-- Data shown follows --

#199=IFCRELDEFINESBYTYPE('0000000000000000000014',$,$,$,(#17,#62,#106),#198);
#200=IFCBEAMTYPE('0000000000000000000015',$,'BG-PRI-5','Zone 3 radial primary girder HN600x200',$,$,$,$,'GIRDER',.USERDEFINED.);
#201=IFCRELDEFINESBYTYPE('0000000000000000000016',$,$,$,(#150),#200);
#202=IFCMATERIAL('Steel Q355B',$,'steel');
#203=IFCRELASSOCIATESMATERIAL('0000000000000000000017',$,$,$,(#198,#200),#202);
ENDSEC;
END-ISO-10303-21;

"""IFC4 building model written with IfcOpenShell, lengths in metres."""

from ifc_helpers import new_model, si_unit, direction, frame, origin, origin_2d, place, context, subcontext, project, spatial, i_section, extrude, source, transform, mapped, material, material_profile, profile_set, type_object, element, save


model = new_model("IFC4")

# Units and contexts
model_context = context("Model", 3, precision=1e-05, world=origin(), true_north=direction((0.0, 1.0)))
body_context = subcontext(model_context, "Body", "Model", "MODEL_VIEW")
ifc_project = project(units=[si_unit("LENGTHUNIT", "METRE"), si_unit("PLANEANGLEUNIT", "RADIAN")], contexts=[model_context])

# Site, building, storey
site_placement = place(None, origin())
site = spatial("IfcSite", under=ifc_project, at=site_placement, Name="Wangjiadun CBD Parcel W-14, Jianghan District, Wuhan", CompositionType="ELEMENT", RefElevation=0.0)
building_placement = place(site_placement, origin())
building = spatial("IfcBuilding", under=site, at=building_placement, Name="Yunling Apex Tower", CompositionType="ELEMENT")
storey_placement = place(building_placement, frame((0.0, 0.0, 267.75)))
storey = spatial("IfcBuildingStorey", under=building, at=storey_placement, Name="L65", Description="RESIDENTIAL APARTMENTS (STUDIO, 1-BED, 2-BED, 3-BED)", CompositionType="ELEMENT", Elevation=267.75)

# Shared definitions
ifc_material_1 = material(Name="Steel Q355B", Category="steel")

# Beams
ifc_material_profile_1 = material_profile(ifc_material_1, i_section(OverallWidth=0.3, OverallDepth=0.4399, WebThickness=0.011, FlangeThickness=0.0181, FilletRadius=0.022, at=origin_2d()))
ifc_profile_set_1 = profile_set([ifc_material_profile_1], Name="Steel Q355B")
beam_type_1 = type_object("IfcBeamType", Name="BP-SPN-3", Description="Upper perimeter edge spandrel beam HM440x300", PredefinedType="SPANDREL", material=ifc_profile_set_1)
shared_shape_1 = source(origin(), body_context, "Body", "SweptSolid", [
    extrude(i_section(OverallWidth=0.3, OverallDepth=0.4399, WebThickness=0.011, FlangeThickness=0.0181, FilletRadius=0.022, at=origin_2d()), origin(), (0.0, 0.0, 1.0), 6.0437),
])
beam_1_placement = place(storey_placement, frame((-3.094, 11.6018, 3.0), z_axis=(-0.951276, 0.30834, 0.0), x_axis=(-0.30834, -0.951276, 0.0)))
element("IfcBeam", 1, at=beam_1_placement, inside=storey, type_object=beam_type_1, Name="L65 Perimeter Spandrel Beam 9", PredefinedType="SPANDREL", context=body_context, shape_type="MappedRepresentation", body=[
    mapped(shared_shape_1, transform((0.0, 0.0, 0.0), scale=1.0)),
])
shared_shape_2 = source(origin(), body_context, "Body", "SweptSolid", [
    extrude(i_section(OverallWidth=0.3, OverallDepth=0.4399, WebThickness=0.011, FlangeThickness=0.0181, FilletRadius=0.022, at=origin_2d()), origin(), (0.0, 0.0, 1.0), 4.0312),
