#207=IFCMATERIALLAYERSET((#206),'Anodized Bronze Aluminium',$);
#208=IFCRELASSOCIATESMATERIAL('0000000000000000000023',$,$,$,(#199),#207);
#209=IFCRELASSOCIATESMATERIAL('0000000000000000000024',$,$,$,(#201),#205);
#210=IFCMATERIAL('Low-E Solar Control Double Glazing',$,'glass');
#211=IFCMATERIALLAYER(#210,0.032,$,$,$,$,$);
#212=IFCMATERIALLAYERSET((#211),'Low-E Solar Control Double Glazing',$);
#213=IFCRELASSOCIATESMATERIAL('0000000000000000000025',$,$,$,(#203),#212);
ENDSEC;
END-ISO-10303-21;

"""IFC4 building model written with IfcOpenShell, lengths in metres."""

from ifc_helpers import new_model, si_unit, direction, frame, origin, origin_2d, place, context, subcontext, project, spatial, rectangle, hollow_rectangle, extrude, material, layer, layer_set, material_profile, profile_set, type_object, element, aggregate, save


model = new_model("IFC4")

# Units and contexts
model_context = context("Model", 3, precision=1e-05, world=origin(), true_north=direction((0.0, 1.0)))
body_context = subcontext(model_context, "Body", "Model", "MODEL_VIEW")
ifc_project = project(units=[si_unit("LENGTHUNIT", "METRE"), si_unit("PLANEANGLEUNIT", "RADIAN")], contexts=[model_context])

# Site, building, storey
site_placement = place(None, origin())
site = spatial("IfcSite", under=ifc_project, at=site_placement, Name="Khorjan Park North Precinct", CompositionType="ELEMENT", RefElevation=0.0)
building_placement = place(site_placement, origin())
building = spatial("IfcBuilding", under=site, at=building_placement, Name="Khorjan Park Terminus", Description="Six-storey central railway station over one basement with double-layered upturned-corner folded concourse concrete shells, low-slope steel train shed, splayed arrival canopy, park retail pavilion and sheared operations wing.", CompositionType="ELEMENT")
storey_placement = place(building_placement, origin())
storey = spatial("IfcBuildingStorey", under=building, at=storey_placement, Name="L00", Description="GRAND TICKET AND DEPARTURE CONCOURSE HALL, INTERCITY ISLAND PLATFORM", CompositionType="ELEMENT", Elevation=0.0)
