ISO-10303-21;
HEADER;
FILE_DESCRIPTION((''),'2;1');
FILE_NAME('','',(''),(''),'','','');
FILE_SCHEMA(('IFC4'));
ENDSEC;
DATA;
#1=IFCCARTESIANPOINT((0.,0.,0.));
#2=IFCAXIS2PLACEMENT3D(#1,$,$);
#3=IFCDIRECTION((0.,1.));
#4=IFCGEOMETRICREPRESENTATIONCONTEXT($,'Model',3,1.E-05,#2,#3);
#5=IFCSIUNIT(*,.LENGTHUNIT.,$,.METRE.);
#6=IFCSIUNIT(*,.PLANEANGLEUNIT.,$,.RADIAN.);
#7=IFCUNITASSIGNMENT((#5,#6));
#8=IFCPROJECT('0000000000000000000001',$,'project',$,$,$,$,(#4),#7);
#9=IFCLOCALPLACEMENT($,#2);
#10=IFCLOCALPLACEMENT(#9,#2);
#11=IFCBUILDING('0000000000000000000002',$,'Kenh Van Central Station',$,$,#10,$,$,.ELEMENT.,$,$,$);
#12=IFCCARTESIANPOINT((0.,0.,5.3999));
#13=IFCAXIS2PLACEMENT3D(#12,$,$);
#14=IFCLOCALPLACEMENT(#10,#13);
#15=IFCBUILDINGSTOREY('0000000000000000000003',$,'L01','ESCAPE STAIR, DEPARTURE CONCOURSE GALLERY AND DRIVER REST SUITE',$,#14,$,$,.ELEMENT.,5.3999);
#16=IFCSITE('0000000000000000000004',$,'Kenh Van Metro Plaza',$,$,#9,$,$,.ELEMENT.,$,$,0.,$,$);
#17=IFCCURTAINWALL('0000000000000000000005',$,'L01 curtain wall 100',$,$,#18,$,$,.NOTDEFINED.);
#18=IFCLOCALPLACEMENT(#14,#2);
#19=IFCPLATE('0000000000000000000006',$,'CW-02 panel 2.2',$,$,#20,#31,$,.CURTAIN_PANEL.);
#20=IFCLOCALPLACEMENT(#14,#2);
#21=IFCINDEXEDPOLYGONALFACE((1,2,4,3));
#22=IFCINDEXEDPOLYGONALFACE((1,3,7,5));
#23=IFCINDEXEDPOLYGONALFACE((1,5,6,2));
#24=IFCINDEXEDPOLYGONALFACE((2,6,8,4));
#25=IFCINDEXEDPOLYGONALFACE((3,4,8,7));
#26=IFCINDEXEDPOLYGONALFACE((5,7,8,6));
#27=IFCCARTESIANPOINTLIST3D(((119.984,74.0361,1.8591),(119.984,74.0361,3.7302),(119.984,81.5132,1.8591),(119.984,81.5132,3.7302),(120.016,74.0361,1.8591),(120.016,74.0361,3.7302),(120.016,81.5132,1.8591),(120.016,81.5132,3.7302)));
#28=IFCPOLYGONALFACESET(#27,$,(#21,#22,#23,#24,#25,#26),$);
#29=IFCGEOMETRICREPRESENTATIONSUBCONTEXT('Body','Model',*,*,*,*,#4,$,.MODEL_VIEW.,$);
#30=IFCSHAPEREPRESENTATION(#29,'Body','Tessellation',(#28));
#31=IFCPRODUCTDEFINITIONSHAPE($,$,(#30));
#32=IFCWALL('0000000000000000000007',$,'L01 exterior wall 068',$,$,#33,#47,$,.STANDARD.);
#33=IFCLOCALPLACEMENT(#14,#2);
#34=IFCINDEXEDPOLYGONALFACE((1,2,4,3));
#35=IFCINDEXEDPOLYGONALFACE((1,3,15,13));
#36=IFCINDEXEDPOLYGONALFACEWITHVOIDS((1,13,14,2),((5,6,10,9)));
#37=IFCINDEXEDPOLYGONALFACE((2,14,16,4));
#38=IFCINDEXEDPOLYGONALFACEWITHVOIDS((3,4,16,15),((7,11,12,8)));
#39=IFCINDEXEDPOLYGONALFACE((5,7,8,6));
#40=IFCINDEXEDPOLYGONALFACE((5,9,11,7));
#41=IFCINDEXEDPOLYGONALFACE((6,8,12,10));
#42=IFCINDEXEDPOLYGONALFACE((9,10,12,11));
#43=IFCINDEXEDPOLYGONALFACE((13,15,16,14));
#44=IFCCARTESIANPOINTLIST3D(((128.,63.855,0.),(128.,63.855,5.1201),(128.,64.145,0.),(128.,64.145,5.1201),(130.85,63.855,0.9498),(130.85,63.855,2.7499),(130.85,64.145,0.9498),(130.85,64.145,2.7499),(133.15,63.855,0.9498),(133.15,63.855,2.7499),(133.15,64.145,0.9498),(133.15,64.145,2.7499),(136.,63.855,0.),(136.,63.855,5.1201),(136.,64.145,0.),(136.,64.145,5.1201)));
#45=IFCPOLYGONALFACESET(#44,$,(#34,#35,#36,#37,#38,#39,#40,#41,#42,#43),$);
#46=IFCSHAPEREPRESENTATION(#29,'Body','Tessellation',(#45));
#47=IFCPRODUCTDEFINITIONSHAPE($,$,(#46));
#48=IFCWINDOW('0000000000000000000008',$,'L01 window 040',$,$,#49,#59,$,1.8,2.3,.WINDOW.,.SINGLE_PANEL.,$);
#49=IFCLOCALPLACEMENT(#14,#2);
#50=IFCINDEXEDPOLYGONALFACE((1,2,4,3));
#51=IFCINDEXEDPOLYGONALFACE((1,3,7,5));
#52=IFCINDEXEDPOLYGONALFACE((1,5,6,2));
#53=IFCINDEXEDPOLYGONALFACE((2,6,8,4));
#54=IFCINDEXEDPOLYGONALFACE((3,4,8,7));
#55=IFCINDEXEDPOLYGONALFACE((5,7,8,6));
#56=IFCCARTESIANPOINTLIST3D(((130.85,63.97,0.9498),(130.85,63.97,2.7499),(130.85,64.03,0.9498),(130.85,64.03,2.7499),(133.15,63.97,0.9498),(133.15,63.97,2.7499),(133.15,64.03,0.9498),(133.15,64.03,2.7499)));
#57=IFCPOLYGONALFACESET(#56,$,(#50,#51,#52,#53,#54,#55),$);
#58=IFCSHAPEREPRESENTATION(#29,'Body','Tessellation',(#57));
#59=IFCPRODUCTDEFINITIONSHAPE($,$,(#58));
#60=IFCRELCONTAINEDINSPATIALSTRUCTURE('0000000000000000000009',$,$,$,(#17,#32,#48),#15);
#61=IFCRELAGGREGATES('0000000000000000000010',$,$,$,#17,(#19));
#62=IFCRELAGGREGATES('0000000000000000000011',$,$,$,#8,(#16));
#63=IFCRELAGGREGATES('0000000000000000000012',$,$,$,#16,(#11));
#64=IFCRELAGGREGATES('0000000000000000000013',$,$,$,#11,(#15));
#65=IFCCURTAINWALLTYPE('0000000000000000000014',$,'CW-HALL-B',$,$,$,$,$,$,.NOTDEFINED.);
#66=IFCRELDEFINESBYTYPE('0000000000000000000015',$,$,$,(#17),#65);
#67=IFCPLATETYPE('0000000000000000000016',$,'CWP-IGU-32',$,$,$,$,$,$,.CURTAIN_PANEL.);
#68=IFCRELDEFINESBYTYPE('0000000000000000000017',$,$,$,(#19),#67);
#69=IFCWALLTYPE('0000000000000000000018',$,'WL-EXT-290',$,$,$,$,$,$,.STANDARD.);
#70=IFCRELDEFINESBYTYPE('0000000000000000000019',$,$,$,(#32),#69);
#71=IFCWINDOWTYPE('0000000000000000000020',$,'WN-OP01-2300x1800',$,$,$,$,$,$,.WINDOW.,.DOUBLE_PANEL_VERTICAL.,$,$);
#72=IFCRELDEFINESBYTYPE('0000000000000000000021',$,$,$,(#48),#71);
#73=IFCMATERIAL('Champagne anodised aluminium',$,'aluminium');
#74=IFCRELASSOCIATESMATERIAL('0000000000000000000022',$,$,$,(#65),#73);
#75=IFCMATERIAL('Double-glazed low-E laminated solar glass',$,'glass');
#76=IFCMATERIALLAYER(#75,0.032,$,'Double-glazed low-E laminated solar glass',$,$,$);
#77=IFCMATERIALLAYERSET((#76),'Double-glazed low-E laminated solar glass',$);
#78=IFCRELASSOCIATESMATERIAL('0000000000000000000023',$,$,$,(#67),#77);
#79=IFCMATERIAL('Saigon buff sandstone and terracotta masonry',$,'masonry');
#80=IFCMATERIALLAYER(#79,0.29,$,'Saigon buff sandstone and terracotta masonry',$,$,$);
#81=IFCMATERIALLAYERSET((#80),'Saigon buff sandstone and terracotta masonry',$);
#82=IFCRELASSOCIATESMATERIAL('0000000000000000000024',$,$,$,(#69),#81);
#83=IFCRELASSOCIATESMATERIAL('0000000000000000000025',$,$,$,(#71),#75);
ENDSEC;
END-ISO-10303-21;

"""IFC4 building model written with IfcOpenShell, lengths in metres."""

from ifc_helpers import new_model, si_unit, direction, frame, frame_2d, origin, origin_2d, place, context, subcontext, project, spatial, rectangle, extrude, material, layer, layer_set, type_object, element, fill, aggregate, save


model = new_model("IFC4")

# Units and contexts
model_context = context("Model", 3, precision=1e-05, world=origin(), true_north=direction((0.0, 1.0)))
body_context = subcontext(model_context, "Body", "Model", "MODEL_VIEW")
ifc_project = project(units=[si_unit("LENGTHUNIT", "METRE"), si_unit("PLANEANGLEUNIT", "RADIAN")], contexts=[model_context])

# Site, building, storey
site_placement = place(None, origin())
site = spatial("IfcSite", under=ifc_project, at=site_placement, Name="Kenh Van Metro Plaza", CompositionType="ELEMENT", RefElevation=0.0)
building_placement = place(site_placement, origin())
building = spatial("IfcBuilding", under=site, at=building_placement, Name="Kenh Van Central Station", CompositionType="ELEMENT")
storey_placement = place(building_placement, frame((0.0, 0.0, 5.3999)))
storey = spatial("IfcBuildingStorey", under=building, at=storey_placement, Name="L01", Description="ESCAPE STAIR, DEPARTURE CONCOURSE GALLERY AND DRIVER REST SUITE", CompositionType="ELEMENT", Elevation=5.3999)

# Curtain wall
ifc_material_1 = material(Name="Champagne anodised aluminium", Category="aluminium")
curtain_wall_type = type_object("IfcCurtainWallType", Name="CW-HALL-B", PredefinedType="NOTDEFINED", material=ifc_material_1)
curtain_wall_1_placement = place(storey_placement, origin())
curtain_wall_1 = element("IfcCurtainWall", 1, at=curtain_wall_1_placement, inside=storey, type_object=curtain_wall_type, Name="L01 curtain wall 100", PredefinedType="NOTDEFINED")

# Plate
ifc_material_2 = material(Name="Double-glazed low-E laminated solar glass", Category="glass")
ifc_layer_1 = layer(ifc_material_2, 0.032, Name="Double-glazed low-E laminated solar glass")
ifc_layer_set_1 = layer_set([ifc_layer_1], Name="Double-glazed low-E laminated solar glass")
plate_type = type_object("IfcPlateType", Name="CWP-IGU-32", PredefinedType="CURTAIN_PANEL", material=ifc_layer_set_1)
plate_1_placement = place(storey_placement, frame((120.0, 77.7747, 1.8591), z_axis=(0.0, 0.0, 1.0), x_axis=(0.0, 1.0, 0.0)))
plate_1 = element("IfcPlate", 2, at=plate_1_placement, type_object=plate_type, Name="CW-02 panel 2.2", PredefinedType="CURTAIN_PANEL", context=body_context, shape_type="SweptSolid", body=[
    extrude(rectangle(XDim=7.4771, YDim=0.032, at=origin_2d()), origin(), (0.0, 0.0, 1.0), 1.8711),
])
aggregate(curtain_wall_1, [plate_1])

# Wall, opening, window
ifc_material_3 = material(Name="Saigon buff sandstone and terracotta masonry", Category="masonry")
ifc_layer_2 = layer(ifc_material_3, 0.29, Name="Saigon buff sandstone and terracotta masonry")
ifc_layer_set_2 = layer_set([ifc_layer_2], Name="Saigon buff sandstone and terracotta masonry")
wall_type = type_object("IfcWallType", Name="WL-EXT-290", PredefinedType="STANDARD", material=ifc_layer_set_2)
wall_placement = place(storey_placement, frame((136.0, 64.0, 0.0), z_axis=(0.0, 0.0, 1.0), x_axis=(-1.0, 0.0, 0.0)))
wall = element("IfcWall", 3, at=wall_placement, inside=storey, type_object=wall_type, Name="L01 exterior wall 068", PredefinedType="STANDARD", context=body_context, shape_type="SweptSolid", body=[
    extrude(rectangle(XDim=8.0, YDim=0.29, at=frame_2d((4.0, 0.0))), origin(), (0.0, 0.0, 1.0), 5.1201),
])
opening_placement = place(wall_placement, frame((2.8501, 0.0, 0.95)))
opening = element("IfcOpeningElement", 4, at=opening_placement, cuts=wall, PredefinedType="OPENING", context=body_context, shape_type="SweptSolid", body=[
    extrude(rectangle(XDim=2.3, YDim=1.8, at=frame_2d((1.1499, 0.8999))), frame((0.0, 0.155, 0.0), z_axis=(0.0, -1.0, 0.0), x_axis=(1.0, 0.0, 0.0)), (0.0, 0.0, 1.0), 0.3101),
])
window_type = type_object("IfcWindowType", Name="WN-OP01-2300x1800", PartitioningType="DOUBLE_PANEL_VERTICAL", PredefinedType="WINDOW", material=ifc_material_2)
window_placement = place(opening_placement, origin())
window = element("IfcWindow", 5, at=window_placement, inside=storey, type_object=window_type, Name="L01 window 040", OverallHeight=1.8, OverallWidth=2.3, PartitioningType="SINGLE_PANEL", PredefinedType="WINDOW", context=body_context, shape_type="SweptSolid", body=[
    extrude(rectangle(XDim=2.3, YDim=1.8, at=frame_2d((1.1499, 0.8999))), frame((0.0, 0.03, 0.0), z_axis=(0.0, -1.0, 0.0), x_axis=(1.0, 0.0, 0.0)), (0.0, 0.0, 1.0), 0.0601),
])
fill(opening, window)

save(model, "model.ifc")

-- Data shown concluded --

■ Exercise: Among the lines above, count those that include the word "WebThickness". Give only the result.

■ Task solution: 3